Source material:
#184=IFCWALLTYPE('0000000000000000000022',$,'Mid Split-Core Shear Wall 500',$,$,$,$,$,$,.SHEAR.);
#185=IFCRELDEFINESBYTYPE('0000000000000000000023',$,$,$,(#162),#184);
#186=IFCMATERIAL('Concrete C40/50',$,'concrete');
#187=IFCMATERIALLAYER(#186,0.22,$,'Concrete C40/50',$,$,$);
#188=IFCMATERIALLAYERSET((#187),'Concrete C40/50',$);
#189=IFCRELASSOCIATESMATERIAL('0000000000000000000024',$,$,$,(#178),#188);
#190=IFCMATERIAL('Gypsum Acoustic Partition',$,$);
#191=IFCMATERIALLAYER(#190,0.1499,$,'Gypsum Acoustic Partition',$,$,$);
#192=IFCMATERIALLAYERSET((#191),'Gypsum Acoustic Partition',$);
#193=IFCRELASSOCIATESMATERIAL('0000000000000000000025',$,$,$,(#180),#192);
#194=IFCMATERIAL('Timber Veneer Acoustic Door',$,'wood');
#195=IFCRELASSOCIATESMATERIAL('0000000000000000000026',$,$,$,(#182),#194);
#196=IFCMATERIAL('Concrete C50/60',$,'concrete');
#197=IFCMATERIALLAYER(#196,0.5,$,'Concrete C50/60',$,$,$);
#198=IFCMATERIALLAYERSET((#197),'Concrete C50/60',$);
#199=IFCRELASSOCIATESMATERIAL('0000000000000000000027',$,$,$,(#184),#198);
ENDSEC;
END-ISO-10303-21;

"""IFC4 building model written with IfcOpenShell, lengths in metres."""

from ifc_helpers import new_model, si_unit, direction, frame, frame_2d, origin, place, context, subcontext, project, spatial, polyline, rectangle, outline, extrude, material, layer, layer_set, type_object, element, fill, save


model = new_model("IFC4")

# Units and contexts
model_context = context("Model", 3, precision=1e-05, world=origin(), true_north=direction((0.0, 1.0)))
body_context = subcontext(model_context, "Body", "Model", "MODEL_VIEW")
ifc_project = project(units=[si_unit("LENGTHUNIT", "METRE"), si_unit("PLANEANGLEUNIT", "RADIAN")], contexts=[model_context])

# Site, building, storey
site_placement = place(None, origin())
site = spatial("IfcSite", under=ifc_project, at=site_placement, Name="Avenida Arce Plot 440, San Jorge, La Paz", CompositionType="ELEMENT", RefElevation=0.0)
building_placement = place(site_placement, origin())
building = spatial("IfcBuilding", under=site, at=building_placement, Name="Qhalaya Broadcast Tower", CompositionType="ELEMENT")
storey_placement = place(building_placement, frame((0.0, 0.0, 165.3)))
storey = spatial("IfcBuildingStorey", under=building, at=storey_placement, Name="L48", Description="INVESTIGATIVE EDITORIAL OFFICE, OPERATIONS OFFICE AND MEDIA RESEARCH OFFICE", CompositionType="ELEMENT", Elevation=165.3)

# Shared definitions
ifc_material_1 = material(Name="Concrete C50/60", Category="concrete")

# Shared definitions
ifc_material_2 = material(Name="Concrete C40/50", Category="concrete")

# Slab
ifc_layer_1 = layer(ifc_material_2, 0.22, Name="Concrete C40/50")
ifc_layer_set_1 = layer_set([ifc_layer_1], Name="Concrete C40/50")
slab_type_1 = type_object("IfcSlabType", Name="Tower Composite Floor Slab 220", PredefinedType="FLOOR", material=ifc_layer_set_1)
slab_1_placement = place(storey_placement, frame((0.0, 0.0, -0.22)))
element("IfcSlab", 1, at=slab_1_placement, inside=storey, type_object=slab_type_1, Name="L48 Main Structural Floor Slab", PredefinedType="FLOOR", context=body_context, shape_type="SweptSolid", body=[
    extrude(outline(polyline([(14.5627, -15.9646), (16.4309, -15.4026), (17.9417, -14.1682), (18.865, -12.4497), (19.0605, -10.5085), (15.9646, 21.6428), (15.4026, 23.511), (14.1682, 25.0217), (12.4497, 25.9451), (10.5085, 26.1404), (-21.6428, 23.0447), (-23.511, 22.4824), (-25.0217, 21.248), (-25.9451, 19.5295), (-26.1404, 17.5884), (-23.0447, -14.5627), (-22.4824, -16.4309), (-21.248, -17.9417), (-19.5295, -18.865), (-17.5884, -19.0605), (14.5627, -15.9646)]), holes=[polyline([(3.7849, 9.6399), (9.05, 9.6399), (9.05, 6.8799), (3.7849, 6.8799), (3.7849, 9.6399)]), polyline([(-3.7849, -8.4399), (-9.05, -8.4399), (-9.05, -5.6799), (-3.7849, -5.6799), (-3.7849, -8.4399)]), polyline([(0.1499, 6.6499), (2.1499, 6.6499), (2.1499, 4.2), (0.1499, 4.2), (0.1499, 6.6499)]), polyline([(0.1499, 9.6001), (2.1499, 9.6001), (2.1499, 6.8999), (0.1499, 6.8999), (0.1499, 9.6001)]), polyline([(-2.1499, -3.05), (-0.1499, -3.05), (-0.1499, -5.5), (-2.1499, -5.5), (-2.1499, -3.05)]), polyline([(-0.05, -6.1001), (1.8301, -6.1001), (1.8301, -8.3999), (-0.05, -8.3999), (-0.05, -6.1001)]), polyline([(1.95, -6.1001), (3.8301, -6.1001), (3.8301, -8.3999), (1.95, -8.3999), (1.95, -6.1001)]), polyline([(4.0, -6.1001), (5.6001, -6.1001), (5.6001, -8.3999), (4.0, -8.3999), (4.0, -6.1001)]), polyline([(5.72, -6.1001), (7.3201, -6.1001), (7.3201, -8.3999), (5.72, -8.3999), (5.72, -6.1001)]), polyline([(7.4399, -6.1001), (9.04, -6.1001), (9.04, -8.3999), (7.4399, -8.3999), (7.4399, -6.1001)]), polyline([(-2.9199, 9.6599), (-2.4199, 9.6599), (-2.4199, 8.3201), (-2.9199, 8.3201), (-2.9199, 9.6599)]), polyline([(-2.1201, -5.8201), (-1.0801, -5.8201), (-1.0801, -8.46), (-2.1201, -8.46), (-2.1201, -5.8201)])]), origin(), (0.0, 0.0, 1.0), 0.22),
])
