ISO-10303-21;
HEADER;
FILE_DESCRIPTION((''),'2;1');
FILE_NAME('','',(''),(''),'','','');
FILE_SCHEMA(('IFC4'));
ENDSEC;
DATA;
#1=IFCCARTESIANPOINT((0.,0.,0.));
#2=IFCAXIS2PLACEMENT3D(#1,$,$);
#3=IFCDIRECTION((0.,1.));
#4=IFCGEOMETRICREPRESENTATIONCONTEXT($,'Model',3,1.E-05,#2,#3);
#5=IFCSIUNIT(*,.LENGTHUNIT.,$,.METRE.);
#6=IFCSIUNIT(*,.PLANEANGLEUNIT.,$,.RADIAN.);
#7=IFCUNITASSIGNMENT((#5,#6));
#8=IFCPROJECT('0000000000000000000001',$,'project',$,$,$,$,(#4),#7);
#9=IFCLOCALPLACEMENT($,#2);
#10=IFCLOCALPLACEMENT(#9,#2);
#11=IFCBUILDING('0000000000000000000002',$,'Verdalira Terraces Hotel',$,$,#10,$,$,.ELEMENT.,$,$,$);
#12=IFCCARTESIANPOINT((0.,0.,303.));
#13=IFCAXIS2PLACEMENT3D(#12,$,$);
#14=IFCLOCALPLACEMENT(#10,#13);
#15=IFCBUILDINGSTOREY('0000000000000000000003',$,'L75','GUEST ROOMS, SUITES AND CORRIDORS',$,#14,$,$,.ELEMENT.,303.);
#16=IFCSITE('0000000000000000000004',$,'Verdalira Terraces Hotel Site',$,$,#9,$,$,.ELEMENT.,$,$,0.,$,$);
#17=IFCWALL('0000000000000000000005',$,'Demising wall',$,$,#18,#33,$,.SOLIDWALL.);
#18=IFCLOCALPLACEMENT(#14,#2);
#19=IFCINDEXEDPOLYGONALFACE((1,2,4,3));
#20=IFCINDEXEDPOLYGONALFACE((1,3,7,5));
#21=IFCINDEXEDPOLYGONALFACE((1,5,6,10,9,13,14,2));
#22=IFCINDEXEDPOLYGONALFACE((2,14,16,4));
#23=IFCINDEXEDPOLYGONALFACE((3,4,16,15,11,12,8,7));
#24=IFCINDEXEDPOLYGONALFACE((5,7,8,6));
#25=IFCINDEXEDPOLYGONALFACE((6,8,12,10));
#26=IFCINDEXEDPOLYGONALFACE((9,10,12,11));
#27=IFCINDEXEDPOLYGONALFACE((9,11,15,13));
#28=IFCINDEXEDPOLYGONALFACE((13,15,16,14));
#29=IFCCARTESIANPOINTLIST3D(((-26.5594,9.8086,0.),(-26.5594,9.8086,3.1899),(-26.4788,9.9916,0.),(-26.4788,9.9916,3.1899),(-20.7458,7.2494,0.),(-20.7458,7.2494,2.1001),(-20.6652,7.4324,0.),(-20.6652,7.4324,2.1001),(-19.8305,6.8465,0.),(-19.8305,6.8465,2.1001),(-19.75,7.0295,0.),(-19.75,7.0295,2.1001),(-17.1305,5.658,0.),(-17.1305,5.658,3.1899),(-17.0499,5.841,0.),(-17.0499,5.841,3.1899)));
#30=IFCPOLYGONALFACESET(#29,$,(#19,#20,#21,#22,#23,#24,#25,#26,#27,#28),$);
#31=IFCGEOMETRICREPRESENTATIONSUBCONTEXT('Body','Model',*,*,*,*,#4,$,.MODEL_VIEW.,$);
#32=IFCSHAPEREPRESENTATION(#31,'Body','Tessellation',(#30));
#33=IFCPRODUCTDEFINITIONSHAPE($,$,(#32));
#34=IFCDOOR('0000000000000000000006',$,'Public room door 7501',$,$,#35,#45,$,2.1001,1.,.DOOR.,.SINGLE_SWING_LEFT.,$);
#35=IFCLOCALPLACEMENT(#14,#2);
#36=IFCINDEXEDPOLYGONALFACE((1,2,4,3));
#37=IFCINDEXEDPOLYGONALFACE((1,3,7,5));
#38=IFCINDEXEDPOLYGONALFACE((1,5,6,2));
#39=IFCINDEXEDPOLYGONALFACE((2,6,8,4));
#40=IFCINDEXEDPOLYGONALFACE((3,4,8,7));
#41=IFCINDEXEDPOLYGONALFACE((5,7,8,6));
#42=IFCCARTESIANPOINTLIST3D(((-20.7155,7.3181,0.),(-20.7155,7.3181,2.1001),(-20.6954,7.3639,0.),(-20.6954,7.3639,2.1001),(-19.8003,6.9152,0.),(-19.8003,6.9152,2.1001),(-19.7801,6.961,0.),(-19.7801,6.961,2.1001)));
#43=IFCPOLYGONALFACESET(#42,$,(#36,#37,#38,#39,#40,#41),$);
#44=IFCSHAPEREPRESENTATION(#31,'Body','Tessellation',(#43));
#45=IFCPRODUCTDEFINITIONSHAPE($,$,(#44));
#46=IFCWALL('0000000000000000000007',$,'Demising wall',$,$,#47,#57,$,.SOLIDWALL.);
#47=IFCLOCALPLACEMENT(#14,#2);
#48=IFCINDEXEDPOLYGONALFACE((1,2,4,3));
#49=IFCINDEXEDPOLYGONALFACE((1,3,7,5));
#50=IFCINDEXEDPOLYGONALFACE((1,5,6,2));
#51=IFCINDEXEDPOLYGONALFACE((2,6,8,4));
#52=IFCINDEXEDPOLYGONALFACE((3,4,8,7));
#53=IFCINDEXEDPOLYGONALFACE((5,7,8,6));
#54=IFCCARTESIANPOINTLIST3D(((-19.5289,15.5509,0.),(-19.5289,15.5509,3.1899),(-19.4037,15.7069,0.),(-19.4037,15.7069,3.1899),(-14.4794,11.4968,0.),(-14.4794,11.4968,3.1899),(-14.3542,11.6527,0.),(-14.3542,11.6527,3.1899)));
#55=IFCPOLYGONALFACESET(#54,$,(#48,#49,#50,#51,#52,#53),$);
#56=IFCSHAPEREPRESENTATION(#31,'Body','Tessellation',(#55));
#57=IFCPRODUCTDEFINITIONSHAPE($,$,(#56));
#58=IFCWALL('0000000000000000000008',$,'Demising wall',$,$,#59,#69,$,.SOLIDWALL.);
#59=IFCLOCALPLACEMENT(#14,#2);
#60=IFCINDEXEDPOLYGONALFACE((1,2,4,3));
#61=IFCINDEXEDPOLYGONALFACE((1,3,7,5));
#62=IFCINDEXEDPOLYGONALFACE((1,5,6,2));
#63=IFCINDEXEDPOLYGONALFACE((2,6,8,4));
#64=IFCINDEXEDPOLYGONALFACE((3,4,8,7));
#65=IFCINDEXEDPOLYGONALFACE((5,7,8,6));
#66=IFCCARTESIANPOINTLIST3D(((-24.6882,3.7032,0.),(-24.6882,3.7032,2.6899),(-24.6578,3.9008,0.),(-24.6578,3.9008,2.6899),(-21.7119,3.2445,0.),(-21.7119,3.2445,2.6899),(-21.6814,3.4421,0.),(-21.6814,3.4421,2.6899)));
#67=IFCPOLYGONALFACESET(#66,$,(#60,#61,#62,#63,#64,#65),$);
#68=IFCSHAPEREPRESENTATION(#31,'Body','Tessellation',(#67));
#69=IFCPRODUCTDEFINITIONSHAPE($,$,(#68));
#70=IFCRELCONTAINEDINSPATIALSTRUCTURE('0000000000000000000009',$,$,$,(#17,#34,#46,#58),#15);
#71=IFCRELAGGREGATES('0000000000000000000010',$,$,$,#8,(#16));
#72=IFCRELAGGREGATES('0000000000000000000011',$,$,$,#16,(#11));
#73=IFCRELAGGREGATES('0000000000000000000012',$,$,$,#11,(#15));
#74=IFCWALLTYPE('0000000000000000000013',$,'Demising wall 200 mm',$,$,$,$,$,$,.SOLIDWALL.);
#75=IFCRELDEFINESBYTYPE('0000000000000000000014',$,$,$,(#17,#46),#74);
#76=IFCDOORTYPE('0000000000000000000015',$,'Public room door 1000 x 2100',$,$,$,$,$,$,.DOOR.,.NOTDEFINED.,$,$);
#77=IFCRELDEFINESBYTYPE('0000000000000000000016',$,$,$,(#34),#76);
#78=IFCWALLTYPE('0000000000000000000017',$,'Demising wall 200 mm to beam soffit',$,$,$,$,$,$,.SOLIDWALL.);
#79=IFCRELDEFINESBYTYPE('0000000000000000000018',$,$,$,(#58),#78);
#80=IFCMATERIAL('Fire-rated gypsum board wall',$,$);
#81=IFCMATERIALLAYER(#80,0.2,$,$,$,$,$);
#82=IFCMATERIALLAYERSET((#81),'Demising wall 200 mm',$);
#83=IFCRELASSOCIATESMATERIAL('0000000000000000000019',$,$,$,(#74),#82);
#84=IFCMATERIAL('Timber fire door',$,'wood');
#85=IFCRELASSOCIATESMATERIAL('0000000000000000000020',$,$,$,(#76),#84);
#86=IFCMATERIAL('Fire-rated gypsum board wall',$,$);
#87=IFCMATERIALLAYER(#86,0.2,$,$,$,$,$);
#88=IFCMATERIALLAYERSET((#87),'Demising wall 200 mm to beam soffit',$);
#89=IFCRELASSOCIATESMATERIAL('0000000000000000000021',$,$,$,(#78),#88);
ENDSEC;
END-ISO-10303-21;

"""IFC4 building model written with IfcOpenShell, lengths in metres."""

from ifc_helpers import new_model, si_unit, direction, frame, frame_2d, origin, place, context, subcontext, project, spatial, rectangle, extrude, material, layer, layer_set, type_object, element, fill, save


model = new_model("IFC4")

# Units and contexts
model_context = context("Model", 3, precision=1e-05, world=origin(), true_north=direction((0.0, 1.0)))
body_context = subcontext(model_context, "Body", "Model", "MODEL_VIEW")
ifc_project = project(units=[si_unit("LENGTHUNIT", "METRE"), si_unit("PLANEANGLEUNIT", "RADIAN")], contexts=[model_context])

# Site, building, storey
site_placement = place(None, origin())
site = spatial("IfcSite", under=ifc_project, at=site_placement, Name="Verdalira Terraces Hotel Site", CompositionType="ELEMENT", RefElevation=0.0)
building_placement = place(site_placement, origin())
building = spatial("IfcBuilding", under=site, at=building_placement, Name="Verdalira Terraces Hotel", CompositionType="ELEMENT")
storey_placement = place(building_placement, frame((0.0, 0.0, 303.0)))
storey = spatial("IfcBuildingStorey", under=building, at=storey_placement, Name="L75", Description="GUEST ROOMS, SUITES AND CORRIDORS", CompositionType="ELEMENT", Elevation=303.0)

# Wall, opening, door
ifc_material_1 = material(Name="Fire-rated gypsum board wall")
ifc_layer_1 = layer(ifc_material_1, 0.2)
ifc_layer_set_1 = layer_set([ifc_layer_1], Name="Demising wall 200 mm")
wall_type_1 = type_object("IfcWallType", Name="Demising wall 200 mm", PredefinedType="SOLIDWALL", material=ifc_layer_set_1)
wall_1_placement = place(storey_placement, frame((-17.0903, 5.7495, 0.0), z_axis=(0.0, 0.0, 1.0), x_axis=(-0.915247, 0.402893, 0.0)))
wall_1 = element("IfcWall", 1, at=wall_1_placement, inside=storey, type_object=wall_type_1, Name="Demising wall", PredefinedType="SOLIDWALL", context=body_context, shape_type="SweptSolid", body=[
    extrude(rectangle(XDim=10.302, YDim=0.2, at=frame_2d((5.1509, 0.0))), origin(), (0.0, 0.0, 1.0), 3.1899),
])
opening_1_placement = place(wall_1_placement, frame((2.95, 0.0, 0.0)))
opening_1 = element("IfcOpeningElement", 2, at=opening_1_placement, cuts=wall_1, PredefinedType="OPENING", context=body_context, shape_type="SweptSolid", body=[
    extrude(rectangle(XDim=1.0, YDim=2.1001, at=frame_2d((0.5, 1.05))), frame((0.0, 0.1099, 0.0), z_axis=(0.0, -1.0, 0.0), x_axis=(1.0, 0.0, 0.0)), (0.0, 0.0, 1.0), 0.22),
])
ifc_material_2 = material(Name="Timber fire door", Category="wood")
door_type_1 = type_object("IfcDoorType", Name="Public room door 1000 x 2100", OperationType="NOTDEFINED", PredefinedType="DOOR", material=ifc_material_2)
door_1_placement = place(opening_1_placement, origin())
door_1 = element("IfcDoor", 3, at=door_1_placement, inside=storey, type_object=door_type_1, Name="Public room door 7501", OperationType="SINGLE_SWING_LEFT", OverallHeight=2.1001, OverallWidth=1.0, PredefinedType="DOOR", context=body_context, shape_type="SweptSolid", body=[
    extrude(rectangle(XDim=1.0, YDim=2.1001, at=frame_2d((0.5, 1.05))), frame((0.0, 0.0249, 0.0), z_axis=(0.0, -1.0, 0.0), x_axis=(1.0, 0.0, 0.0)), (0.0, 0.0, 1.0), 0.05),
])
fill(opening_1, door_1)

# Walls
wall_2_placement = place(storey_placement, frame((-19.4663, 15.6289, 0.0), z_axis=(0.0, 0.0, 1.0), x_axis=(0.779772, -0.626064, 0.0)))
element("IfcWall", 4, at=wall_2_placement, inside=storey, type_object=wall_type_1, Name="Demising wall", PredefinedType="SOLIDWALL", context=body_context, shape_type="SweptSolid", body=[
    extrude(rectangle(XDim=6.4756, YDim=0.2, at=frame_2d((3.2378, 0.0))), origin(), (0.0, 0.0, 1.0), 3.1899),
])
ifc_material_3 = material(Name="Fire-rated gypsum board wall")
ifc_layer_2 = layer(ifc_material_3, 0.2)
ifc_layer_set_2 = layer_set([ifc_layer_2], Name="Demising wall 200 mm to beam soffit")
wall_type_2 = type_object("IfcWallType", Name="Demising wall 200 mm to beam soffit", PredefinedType="SOLIDWALL", material=ifc_layer_set_2)
wall_3_placement = place(storey_placement, frame((-21.6965, 3.3433, 0.0), z_axis=(0.0, 0.0, 1.0), x_axis=(-0.988329, 0.152331, 0.0)))
element("IfcWall", 5, at=wall_3_placement, inside=storey, type_object=wall_type_2, Name="Demising wall", PredefinedType="SOLIDWALL", context=body_context, shape_type="SweptSolid", body=[
    extrude(rectangle(XDim=3.0115, YDim=0.2, at=frame_2d((1.5059, 0.0))), origin(), (0.0, 0.0, 1.0), 2.6899),
])

save(model, "model.ifc")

Exercise objective:
Lines from the top of the entries through the line with "#190=IFCMATERIAL('Gypsum Acoustic Partition',$,$);" are to be transcribed exactly, and nothing more.

Expected answer:
#184=IFCWALLTYPE('0000000000000000000022',$,'Mid Split-Core Shear Wall 500',$,$,$,$,$,$,.SHEAR.);
#185=IFCRELDEFINESBYTYPE('0000000000000000000023',$,$,$,(#162),#184);
#186=IFCMATERIAL('Concrete C40/50',$,'concrete');
#187=IFCMATERIALLAYER(#186,0.22,$,'Concrete C40/50',$,$,$);
#188=IFCMATERIALLAYERSET((#187),'Concrete C40/50',$);
#189=IFCRELASSOCIATESMATERIAL('0000000000000000000024',$,$,$,(#178),#188);
#190=IFCMATERIAL('Gypsum Acoustic Partition',$,$);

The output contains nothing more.